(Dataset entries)
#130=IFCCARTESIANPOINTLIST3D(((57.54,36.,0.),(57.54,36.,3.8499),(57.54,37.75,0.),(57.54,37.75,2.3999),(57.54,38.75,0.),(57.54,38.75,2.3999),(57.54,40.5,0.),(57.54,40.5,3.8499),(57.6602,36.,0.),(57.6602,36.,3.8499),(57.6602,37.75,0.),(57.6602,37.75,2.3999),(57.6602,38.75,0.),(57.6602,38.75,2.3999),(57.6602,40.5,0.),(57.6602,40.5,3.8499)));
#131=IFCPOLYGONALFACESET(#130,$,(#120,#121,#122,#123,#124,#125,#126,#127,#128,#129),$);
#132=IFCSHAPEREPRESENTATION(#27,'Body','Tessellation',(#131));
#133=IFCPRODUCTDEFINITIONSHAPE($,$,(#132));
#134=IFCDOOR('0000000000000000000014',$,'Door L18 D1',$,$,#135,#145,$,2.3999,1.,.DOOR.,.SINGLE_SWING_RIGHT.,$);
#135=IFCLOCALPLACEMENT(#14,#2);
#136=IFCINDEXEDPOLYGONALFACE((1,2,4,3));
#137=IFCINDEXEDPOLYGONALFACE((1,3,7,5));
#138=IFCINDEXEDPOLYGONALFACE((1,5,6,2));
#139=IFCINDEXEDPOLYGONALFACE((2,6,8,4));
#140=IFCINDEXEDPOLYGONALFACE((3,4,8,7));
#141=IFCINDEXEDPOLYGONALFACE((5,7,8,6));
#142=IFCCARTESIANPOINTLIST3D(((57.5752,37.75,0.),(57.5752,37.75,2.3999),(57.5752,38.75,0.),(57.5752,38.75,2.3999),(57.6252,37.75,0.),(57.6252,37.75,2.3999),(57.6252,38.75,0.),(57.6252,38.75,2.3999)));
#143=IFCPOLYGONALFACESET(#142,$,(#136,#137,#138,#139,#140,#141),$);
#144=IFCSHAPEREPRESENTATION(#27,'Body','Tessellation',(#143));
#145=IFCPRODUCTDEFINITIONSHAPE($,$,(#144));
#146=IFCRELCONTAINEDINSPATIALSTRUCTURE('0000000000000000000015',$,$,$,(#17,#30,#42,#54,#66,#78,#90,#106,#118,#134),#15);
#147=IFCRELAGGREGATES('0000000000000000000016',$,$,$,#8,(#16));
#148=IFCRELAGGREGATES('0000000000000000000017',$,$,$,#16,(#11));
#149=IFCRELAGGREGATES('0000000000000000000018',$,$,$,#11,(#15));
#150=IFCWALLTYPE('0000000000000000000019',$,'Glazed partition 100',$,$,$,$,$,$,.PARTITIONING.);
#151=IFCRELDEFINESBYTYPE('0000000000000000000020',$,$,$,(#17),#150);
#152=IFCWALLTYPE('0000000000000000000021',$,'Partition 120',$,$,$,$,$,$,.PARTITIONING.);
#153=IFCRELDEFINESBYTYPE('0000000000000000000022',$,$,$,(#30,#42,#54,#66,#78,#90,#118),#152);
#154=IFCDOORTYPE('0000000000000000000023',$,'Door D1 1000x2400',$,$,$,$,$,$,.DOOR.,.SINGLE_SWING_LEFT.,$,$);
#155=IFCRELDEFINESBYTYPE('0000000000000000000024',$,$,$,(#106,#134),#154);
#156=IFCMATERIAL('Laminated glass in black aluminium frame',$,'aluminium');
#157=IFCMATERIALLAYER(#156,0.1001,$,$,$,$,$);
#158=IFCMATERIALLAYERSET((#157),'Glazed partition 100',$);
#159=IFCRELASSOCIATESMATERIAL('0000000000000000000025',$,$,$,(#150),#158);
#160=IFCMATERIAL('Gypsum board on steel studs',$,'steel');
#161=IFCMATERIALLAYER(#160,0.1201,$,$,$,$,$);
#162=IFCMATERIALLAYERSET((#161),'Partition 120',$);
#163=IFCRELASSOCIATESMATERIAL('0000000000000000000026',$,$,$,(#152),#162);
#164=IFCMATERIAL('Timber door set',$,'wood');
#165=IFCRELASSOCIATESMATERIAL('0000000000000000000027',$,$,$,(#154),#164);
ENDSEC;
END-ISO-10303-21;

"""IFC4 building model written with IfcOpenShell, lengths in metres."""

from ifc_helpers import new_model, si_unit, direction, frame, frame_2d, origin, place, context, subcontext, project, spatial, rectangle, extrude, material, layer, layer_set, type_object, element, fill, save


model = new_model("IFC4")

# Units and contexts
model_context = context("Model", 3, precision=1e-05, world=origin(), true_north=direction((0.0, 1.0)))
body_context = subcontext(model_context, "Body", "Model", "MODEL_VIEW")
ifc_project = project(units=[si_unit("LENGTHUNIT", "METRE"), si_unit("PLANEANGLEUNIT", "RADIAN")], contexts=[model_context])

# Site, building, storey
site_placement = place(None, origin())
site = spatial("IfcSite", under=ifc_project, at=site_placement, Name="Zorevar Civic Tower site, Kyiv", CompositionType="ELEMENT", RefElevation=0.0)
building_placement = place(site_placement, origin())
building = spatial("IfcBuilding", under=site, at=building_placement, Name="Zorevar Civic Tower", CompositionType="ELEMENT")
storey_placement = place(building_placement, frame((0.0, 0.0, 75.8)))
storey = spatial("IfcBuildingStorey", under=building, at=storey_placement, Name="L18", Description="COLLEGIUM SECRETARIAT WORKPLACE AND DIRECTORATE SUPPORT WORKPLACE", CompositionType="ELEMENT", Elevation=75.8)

### WHAT NEEDS TO BE DONE:
Repeat every line of the data precisely.

### RESULT FOR THIS TASK:
#130=IFCCARTESIANPOINTLIST3D(((57.54,36.,0.),(57.54,36.,3.8499),(57.54,37.75,0.),(57.54,37.75,2.3999),(57.54,38.75,0.),(57.54,38.75,2.3999),(57.54,40.5,0.),(57.54,40.5,3.8499),(57.6602,36.,0.),(57.6602,36.,3.8499),(57.6602,37.75,0.),(57.6602,37.75,2.3999),(57.6602,38.75,0.),(57.6602,38.75,2.3999),(57.6602,40.5,0.),(57.6602,40.5,3.8499)));
#131=IFCPOLYGONALFACESET(#130,$,(#120,#121,#122,#123,#124,#125,#126,#127,#128,#129),$);
#132=IFCSHAPEREPRESENTATION(#27,'Body','Tessellation',(#131));
#133=IFCPRODUCTDEFINITIONSHAPE($,$,(#132));
#134=IFCDOOR('0000000000000000000014',$,'Door L18 D1',$,$,#135,#145,$,2.3999,1.,.DOOR.,.SINGLE_SWING_RIGHT.,$);
#135=IFCLOCALPLACEMENT(#14,#2);
#136=IFCINDEXEDPOLYGONALFACE((1,2,4,3));
#137=IFCINDEXEDPOLYGONALFACE((1,3,7,5));
#138=IFCINDEXEDPOLYGONALFACE((1,5,6,2));
#139=IFCINDEXEDPOLYGONALFACE((2,6,8,4));
#140=IFCINDEXEDPOLYGONALFACE((3,4,8,7));
#141=IFCINDEXEDPOLYGONALFACE((5,7,8,6));
#142=IFCCARTESIANPOINTLIST3D(((57.5752,37.75,0.),(57.5752,37.75,2.3999),(57.5752,38.75,0.),(57.5752,38.75,2.3999),(57.6252,37.75,0.),(57.6252,37.75,2.3999),(57.6252,38.75,0.),(57.6252,38.75,2.3999)));
#143=IFCPOLYGONALFACESET(#142,$,(#136,#137,#138,#139,#140,#141),$);
#144=IFCSHAPEREPRESENTATION(#27,'Body','Tessellation',(#143));
#145=IFCPRODUCTDEFINITIONSHAPE($,$,(#144));
#146=IFCRELCONTAINEDINSPATIALSTRUCTURE('0000000000000000000015',$,$,$,(#17,#30,#42,#54,#66,#78,#90,#106,#118,#134),#15);
#147=IFCRELAGGREGATES('0000000000000000000016',$,$,$,#8,(#16));
#148=IFCRELAGGREGATES('0000000000000000000017',$,$,$,#16,(#11));
#149=IFCRELAGGREGATES('0000000000000000000018',$,$,$,#11,(#15));
#150=IFCWALLTYPE('0000000000000000000019',$,'Glazed partition 100',$,$,$,$,$,$,.PARTITIONING.);
#151=IFCRELDEFINESBYTYPE('0000000000000000000020',$,$,$,(#17),#150);
#152=IFCWALLTYPE('0000000000000000000021',$,'Partition 120',$,$,$,$,$,$,.PARTITIONING.);
#153=IFCRELDEFINESBYTYPE('0000000000000000000022',$,$,$,(#30,#42,#54,#66,#78,#90,#118),#152);
#154=IFCDOORTYPE('0000000000000000000023',$,'Door D1 1000x2400',$,$,$,$,$,$,.DOOR.,.SINGLE_SWING_LEFT.,$,$);
#155=IFCRELDEFINESBYTYPE('0000000000000000000024',$,$,$,(#106,#134),#154);
#156=IFCMATERIAL('Laminated glass in black aluminium frame',$,'aluminium');
#157=IFCMATERIALLAYER(#156,0.1001,$,$,$,$,$);
#158=IFCMATERIALLAYERSET((#157),'Glazed partition 100',$);
#159=IFCRELASSOCIATESMATERIAL('0000000000000000000025',$,$,$,(#150),#158);
#160=IFCMATERIAL('Gypsum board on steel studs',$,'steel');
#161=IFCMATERIALLAYER(#160,0.1201,$,$,$,$,$);
#162=IFCMATERIALLAYERSET((#161),'Partition 120',$);
#163=IFCRELASSOCIATESMATERIAL('0000000000000000000026',$,$,$,(#152),#162);
#164=IFCMATERIAL('Timber door set',$,'wood');
#165=IFCRELASSOCIATESMATERIAL('0000000000000000000027',$,$,$,(#154),#164);
ENDSEC;
END-ISO-10303-21;

"""IFC4 building model written with IfcOpenShell, lengths in metres."""

from ifc_helpers import new_model, si_unit, direction, frame, frame_2d, origin, place, context, subcontext, project, spatial, rectangle, extrude, material, layer, layer_set, type_object, element, fill, save


model = new_model("IFC4")

# Units and contexts
model_context = context("Model", 3, precision=1e-05, world=origin(), true_north=direction((0.0, 1.0)))
body_context = subcontext(model_context, "Body", "Model", "MODEL_VIEW")
ifc_project = project(units=[si_unit("LENGTHUNIT", "METRE"), si_unit("PLANEANGLEUNIT", "RADIAN")], contexts=[model_context])

# Site, building, storey
site_placement = place(None, origin())
site = spatial("IfcSite", under=ifc_project, at=site_placement, Name="Zorevar Civic Tower site, Kyiv", CompositionType="ELEMENT", RefElevation=0.0)
building_placement = place(site_placement, origin())
building = spatial("IfcBuilding", under=site, at=building_placement, Name="Zorevar Civic Tower", CompositionType="ELEMENT")
storey_placement = place(building_placement, frame((0.0, 0.0, 75.8)))
storey = spatial("IfcBuildingStorey", under=building, at=storey_placement, Name="L18", Description="COLLEGIUM SECRETARIAT WORKPLACE AND DIRECTORATE SUPPORT WORKPLACE", CompositionType="ELEMENT", Elevation=75.8)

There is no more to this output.